• **PROBLEM STATEMENT**
Filter the listing below, copying every line in which the word "IFCPOLYGONALFACESET" appears.

• **GIVEN RECORDS**
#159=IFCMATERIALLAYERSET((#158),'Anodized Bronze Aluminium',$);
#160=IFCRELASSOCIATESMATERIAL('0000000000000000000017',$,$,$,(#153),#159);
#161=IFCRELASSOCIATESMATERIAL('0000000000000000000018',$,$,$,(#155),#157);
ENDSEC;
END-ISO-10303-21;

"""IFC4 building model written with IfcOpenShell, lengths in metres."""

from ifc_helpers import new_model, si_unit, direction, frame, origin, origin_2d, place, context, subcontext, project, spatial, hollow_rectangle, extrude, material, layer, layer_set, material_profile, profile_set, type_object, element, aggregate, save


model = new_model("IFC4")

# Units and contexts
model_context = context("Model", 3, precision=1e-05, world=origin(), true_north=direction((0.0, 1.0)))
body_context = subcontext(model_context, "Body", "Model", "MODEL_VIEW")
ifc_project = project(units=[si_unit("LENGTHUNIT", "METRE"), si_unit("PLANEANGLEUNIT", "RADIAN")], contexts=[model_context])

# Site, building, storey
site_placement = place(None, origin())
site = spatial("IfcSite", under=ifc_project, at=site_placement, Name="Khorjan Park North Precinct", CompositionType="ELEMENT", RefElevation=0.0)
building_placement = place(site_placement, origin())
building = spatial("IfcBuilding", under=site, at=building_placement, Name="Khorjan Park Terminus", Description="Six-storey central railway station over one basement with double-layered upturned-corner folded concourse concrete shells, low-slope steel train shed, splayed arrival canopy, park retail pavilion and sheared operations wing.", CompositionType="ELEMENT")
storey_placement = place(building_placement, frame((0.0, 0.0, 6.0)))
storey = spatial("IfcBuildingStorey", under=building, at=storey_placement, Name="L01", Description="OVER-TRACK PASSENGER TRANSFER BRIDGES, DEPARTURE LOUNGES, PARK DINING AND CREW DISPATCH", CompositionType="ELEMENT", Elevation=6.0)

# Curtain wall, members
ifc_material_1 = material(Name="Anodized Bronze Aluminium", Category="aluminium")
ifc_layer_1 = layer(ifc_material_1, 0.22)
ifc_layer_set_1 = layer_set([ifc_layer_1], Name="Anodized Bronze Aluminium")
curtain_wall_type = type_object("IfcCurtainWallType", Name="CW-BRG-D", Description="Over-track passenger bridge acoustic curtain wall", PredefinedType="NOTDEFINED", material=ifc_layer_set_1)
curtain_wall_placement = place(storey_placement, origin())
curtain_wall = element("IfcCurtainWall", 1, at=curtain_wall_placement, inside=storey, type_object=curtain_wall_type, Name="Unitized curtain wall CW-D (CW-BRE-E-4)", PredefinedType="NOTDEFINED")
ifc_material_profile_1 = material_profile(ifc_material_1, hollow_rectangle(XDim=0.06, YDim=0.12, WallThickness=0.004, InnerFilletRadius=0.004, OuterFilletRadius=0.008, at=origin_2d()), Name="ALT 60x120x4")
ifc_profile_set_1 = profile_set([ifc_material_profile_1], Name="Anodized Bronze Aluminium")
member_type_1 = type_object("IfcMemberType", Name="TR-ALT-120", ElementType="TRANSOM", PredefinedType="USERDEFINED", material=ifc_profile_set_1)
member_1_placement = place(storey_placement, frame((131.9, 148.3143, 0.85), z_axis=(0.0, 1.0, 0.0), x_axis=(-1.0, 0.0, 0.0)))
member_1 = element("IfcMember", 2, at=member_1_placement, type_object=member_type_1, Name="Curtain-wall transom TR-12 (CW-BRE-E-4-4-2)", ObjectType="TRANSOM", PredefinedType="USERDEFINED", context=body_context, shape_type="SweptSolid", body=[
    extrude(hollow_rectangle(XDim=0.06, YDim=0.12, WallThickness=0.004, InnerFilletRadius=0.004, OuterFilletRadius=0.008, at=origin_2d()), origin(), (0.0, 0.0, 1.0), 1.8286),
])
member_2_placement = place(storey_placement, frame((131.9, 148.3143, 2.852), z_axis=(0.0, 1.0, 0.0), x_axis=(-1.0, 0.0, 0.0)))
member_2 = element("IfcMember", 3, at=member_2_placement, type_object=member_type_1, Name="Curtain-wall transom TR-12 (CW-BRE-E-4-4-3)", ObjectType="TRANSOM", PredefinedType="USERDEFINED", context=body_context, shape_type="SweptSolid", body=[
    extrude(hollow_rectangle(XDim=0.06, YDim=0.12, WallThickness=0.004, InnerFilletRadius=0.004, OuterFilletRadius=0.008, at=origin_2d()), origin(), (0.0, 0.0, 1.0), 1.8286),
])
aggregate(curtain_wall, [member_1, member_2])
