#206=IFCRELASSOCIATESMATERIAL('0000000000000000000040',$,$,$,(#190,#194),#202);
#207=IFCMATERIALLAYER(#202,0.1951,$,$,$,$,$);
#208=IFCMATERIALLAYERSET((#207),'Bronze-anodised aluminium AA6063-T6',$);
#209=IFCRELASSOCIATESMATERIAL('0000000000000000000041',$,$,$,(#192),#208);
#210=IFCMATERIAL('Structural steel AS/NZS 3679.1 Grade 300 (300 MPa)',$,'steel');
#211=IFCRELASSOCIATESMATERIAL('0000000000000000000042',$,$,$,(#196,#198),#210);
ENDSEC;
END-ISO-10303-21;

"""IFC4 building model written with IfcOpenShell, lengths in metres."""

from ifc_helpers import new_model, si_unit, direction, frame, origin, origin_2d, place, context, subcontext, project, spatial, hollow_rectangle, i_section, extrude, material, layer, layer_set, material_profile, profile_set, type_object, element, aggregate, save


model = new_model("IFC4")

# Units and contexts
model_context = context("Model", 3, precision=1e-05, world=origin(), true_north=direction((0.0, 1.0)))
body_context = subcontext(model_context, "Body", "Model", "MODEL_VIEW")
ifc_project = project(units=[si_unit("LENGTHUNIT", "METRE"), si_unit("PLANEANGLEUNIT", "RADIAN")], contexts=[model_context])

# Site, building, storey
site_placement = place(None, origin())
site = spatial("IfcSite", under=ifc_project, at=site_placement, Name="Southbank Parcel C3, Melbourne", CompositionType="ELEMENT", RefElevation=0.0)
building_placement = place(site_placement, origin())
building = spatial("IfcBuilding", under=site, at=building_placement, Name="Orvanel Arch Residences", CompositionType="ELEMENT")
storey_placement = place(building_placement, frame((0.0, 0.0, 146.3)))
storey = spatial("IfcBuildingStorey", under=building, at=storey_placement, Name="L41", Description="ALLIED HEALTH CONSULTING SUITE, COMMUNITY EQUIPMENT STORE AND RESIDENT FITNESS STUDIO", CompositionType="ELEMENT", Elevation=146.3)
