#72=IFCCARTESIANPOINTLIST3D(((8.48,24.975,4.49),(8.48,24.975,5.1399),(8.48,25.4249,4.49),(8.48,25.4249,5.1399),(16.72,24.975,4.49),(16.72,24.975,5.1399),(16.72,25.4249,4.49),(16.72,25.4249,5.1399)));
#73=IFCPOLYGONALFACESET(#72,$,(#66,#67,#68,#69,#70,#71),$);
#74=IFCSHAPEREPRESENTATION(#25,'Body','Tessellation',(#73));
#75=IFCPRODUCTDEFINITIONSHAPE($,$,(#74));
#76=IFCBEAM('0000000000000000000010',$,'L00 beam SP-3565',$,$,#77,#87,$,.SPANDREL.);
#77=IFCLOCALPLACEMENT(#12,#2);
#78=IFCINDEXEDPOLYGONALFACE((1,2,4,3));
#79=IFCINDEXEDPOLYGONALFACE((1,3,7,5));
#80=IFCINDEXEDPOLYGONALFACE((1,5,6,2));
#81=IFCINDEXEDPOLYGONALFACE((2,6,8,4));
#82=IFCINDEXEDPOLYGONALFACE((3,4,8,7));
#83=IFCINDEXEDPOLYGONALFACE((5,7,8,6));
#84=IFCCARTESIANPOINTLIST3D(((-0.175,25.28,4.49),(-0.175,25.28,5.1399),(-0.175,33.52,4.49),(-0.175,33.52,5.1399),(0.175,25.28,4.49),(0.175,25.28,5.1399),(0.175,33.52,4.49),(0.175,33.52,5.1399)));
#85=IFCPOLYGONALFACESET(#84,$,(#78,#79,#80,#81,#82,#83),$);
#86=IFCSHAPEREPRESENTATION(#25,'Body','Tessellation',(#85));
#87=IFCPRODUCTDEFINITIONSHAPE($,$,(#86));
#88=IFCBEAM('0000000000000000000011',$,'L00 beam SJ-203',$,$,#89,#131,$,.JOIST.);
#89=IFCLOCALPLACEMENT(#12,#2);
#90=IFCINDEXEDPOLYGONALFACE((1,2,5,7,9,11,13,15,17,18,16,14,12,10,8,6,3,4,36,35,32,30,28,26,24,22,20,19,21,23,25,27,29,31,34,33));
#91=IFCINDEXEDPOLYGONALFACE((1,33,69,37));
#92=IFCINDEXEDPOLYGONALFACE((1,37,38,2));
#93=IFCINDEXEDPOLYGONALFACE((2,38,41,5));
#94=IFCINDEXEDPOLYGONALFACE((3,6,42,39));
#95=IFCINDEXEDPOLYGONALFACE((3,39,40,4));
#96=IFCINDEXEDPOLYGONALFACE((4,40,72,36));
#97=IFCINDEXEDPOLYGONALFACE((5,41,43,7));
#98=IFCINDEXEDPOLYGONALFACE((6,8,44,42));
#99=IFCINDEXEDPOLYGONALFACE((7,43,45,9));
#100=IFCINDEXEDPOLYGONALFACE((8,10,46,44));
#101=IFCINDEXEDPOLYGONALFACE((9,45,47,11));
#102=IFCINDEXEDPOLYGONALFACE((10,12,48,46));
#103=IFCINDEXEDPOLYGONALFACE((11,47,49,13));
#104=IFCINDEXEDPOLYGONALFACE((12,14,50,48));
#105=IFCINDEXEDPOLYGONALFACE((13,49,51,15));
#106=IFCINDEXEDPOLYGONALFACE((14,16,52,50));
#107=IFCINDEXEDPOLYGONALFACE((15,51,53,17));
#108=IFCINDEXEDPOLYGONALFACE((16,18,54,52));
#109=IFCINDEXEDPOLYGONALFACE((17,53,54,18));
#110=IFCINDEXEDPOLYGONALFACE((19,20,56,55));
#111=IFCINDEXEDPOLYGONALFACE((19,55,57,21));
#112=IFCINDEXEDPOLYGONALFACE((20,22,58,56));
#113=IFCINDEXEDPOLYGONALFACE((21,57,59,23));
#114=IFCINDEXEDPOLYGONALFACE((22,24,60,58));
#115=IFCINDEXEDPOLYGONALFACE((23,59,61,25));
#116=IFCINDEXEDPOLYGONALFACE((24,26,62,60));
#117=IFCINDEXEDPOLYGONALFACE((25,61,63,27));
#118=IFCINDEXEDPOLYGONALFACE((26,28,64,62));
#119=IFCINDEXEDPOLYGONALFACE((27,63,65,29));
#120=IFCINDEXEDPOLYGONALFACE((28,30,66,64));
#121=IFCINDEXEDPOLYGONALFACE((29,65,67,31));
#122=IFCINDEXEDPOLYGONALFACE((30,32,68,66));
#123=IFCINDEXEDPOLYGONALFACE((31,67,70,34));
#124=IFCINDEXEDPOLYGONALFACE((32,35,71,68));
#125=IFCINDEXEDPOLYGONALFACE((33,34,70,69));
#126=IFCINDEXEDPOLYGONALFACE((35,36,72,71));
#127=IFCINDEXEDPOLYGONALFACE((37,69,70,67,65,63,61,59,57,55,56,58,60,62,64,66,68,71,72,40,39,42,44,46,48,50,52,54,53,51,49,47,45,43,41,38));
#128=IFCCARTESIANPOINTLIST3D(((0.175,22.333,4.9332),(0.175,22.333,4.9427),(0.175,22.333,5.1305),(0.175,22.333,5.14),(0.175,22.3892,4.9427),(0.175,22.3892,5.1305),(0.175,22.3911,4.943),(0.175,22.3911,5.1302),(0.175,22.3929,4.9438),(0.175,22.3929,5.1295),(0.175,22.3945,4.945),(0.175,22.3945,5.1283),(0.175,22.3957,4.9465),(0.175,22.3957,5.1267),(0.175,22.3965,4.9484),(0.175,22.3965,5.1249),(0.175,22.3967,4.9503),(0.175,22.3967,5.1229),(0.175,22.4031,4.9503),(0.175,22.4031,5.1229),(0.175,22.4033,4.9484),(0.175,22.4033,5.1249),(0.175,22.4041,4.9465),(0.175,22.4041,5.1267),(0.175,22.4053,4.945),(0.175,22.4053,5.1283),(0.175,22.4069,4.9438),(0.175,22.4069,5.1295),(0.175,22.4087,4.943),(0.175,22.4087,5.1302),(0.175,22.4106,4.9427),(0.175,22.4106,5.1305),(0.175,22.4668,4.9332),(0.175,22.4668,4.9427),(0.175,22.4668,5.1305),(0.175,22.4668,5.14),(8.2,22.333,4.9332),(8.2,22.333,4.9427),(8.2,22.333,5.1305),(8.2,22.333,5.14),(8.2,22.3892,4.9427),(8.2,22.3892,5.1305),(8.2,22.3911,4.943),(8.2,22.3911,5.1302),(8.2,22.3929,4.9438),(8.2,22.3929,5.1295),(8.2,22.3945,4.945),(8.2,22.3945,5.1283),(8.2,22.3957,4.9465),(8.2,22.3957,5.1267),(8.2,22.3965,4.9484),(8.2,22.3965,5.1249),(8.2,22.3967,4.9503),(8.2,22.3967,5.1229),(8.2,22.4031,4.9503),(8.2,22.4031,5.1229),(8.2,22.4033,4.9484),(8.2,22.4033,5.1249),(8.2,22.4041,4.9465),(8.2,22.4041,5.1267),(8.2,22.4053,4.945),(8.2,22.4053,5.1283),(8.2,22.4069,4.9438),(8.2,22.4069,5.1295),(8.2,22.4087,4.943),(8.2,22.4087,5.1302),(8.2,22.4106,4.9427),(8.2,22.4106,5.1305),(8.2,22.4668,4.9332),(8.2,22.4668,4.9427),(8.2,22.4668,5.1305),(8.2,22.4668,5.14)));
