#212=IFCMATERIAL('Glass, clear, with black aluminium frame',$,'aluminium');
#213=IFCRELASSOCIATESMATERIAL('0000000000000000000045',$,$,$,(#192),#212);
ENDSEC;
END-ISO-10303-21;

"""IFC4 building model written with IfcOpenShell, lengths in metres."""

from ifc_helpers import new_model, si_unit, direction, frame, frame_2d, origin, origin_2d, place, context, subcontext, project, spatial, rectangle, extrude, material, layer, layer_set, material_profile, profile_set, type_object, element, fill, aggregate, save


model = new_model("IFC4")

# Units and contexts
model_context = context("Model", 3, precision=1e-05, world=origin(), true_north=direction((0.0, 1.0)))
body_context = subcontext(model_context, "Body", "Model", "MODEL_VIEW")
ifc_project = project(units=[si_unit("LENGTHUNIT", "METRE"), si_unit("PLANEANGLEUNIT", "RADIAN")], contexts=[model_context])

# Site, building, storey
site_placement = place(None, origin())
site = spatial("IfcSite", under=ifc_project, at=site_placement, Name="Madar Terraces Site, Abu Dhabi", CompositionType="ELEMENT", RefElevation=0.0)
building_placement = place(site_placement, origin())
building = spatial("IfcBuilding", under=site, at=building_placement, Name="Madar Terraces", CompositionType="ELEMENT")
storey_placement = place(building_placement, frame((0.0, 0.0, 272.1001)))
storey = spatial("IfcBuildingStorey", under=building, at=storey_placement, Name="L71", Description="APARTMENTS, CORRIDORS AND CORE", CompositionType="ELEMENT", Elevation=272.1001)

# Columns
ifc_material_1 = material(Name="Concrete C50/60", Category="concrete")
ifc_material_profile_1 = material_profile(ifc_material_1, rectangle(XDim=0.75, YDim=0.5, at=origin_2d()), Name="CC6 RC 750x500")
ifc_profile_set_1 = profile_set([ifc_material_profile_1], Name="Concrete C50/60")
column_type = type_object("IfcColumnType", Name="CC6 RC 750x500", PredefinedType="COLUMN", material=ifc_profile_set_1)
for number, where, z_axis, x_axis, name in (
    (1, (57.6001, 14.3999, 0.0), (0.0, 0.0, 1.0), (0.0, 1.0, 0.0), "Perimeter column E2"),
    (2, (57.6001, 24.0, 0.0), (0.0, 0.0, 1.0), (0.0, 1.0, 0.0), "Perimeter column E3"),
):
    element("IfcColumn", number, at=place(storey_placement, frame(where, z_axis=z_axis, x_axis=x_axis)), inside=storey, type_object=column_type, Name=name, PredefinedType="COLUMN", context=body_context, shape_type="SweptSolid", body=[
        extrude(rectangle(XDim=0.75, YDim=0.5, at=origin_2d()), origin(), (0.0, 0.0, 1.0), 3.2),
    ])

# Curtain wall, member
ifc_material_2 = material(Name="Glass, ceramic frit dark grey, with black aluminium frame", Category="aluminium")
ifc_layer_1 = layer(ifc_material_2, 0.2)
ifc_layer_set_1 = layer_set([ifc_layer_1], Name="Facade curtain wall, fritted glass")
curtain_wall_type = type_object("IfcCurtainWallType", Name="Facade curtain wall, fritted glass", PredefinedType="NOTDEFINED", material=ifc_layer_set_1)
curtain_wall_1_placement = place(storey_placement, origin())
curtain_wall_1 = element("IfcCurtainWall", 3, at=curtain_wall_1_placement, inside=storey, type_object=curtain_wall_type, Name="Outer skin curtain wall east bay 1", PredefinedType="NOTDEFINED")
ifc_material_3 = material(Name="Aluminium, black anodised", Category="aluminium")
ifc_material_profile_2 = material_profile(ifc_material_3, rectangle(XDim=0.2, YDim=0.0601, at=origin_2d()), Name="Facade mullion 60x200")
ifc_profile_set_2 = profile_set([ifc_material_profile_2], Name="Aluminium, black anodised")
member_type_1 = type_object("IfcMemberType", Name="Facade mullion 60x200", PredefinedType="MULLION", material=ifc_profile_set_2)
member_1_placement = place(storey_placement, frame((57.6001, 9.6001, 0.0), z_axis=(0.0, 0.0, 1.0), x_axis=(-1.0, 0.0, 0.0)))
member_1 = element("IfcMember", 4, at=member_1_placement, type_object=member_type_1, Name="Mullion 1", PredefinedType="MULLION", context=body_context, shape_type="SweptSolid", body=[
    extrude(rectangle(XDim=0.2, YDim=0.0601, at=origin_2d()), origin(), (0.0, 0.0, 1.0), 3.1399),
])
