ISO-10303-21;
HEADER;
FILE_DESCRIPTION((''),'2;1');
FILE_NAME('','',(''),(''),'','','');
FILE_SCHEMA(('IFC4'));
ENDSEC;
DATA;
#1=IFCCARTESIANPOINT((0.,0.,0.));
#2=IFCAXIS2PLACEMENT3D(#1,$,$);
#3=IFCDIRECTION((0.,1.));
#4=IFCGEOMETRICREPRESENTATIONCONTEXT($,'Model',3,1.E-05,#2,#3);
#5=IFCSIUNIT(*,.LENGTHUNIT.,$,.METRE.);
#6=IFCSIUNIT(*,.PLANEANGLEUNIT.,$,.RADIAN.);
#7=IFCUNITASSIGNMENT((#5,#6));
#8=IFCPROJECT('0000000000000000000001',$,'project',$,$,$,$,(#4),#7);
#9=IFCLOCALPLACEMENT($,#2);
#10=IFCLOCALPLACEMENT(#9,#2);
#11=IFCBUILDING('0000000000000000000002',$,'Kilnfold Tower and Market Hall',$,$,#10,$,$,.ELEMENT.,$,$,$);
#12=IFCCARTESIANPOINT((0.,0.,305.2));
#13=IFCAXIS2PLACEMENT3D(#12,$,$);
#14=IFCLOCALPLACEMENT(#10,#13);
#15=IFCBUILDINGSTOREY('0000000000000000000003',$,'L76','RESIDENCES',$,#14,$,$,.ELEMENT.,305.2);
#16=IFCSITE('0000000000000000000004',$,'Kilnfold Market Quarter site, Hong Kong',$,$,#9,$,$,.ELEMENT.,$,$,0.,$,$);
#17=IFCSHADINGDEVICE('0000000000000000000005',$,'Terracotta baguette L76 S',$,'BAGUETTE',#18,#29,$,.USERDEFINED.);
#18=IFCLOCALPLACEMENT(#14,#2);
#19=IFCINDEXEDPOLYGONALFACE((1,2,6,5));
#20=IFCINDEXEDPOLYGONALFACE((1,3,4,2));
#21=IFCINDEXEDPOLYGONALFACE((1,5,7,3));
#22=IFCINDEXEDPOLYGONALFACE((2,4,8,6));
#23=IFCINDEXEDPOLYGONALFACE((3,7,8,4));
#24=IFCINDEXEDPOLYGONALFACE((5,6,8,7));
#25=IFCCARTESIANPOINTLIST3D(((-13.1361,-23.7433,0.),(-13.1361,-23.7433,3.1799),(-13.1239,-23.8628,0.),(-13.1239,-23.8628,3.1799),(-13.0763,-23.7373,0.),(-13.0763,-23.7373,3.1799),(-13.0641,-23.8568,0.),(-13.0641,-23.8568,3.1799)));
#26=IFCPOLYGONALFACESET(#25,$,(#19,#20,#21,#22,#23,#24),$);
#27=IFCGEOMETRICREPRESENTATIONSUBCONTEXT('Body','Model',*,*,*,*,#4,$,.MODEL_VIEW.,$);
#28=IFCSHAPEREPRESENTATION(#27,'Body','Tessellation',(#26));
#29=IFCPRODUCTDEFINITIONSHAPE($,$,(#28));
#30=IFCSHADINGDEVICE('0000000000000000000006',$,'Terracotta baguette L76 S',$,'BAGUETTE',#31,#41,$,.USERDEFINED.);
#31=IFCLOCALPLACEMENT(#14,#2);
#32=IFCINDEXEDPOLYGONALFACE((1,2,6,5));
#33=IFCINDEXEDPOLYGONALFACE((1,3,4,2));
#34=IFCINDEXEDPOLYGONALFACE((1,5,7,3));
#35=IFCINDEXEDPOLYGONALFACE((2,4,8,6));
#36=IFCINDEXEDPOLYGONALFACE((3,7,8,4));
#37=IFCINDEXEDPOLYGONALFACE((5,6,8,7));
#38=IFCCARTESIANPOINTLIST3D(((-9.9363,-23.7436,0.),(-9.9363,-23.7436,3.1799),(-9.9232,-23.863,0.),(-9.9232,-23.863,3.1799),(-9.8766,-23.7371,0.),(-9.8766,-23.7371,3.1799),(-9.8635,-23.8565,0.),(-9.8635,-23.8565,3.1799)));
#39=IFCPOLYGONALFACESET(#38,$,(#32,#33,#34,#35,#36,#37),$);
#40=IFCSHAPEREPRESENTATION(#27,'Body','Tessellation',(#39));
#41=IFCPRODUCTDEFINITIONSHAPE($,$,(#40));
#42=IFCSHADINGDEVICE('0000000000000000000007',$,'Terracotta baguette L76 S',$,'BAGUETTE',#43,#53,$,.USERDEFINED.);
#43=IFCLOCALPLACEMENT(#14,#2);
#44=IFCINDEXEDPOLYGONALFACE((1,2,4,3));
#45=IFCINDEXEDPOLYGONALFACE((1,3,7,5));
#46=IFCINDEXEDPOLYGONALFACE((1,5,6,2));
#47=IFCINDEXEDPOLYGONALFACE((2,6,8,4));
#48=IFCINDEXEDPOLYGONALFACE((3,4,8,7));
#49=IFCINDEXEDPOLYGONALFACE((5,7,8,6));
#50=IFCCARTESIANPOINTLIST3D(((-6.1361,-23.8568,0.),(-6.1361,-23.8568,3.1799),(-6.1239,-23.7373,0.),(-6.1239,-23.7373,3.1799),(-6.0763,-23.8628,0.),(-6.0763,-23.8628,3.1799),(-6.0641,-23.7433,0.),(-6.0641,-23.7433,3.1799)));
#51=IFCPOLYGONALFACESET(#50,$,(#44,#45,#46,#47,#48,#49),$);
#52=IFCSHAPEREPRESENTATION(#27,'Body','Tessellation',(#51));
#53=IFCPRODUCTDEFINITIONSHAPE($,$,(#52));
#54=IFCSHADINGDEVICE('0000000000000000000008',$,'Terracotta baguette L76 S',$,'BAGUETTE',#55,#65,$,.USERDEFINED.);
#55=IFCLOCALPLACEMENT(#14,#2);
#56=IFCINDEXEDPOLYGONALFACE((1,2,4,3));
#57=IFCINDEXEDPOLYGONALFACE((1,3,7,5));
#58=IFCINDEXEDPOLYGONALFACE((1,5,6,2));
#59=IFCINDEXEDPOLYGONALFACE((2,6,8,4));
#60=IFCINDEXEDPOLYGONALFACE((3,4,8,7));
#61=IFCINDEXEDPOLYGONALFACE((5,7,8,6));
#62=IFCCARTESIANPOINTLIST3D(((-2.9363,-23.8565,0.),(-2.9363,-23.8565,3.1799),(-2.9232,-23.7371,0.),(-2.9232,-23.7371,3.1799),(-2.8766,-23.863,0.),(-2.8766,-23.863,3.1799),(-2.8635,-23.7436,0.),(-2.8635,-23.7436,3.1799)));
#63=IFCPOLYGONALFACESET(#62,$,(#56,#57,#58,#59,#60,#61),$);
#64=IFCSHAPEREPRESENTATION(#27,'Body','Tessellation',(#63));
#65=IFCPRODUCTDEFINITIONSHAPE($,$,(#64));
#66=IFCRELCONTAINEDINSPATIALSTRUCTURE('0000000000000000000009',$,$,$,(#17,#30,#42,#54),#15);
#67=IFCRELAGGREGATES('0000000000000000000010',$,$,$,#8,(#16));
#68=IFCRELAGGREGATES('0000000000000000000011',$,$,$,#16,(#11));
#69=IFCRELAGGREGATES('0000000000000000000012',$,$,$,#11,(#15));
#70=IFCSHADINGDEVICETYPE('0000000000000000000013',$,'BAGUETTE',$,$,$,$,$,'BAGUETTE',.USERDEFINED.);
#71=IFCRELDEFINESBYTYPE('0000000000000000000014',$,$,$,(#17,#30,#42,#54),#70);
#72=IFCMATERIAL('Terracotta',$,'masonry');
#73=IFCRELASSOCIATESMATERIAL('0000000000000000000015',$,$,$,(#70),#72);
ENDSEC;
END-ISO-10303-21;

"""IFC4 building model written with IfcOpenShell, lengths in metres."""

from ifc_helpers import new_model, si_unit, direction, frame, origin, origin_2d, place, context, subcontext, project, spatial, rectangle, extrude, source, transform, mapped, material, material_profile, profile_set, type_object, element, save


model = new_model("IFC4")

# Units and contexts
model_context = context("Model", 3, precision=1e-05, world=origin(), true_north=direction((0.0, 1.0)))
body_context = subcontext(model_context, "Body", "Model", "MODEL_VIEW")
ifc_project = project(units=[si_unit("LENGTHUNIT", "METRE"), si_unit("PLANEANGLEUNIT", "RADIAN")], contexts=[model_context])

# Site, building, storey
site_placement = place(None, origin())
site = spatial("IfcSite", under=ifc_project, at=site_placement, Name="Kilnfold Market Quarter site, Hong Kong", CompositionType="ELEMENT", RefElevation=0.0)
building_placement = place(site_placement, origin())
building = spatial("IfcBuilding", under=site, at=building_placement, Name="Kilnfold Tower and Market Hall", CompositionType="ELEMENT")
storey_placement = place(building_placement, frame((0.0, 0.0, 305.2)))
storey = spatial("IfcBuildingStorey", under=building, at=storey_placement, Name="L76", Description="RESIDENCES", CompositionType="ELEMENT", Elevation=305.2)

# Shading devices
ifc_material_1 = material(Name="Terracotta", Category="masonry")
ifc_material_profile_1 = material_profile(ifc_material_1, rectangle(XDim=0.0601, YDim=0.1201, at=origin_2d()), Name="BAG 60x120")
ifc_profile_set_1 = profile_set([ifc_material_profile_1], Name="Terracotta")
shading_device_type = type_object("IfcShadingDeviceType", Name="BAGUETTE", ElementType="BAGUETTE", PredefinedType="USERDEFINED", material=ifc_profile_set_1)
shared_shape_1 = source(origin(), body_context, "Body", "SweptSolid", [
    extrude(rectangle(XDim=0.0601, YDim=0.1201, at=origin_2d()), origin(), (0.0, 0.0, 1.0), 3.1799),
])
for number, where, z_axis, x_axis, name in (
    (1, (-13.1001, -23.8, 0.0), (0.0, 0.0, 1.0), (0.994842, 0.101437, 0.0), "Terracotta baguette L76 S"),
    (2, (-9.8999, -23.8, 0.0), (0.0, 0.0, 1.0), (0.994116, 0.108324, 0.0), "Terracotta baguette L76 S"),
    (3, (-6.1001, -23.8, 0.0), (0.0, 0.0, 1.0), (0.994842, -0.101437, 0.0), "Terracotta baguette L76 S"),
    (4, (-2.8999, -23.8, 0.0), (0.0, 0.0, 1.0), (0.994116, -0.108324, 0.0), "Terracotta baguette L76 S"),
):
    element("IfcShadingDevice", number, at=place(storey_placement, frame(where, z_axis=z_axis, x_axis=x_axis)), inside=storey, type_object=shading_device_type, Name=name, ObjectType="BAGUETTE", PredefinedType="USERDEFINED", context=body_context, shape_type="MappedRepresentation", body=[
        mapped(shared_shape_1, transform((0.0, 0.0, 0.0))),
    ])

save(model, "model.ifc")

• **RESPONSE**
#73=IFCPOLYGONALFACESET(#72,$,(#66,#67,#68,#69,#70,#71),$);
#85=IFCPOLYGONALFACESET(#84,$,(#78,#79,#80,#81,#82,#83),$);
#26=IFCPOLYGONALFACESET(#25,$,(#19,#20,#21,#22,#23,#24),$);
#39=IFCPOLYGONALFACESET(#38,$,(#32,#33,#34,#35,#36,#37),$);
#51=IFCPOLYGONALFACESET(#50,$,(#44,#45,#46,#47,#48,#49),$);
#63=IFCPOLYGONALFACESET(#62,$,(#56,#57,#58,#59,#60,#61),$);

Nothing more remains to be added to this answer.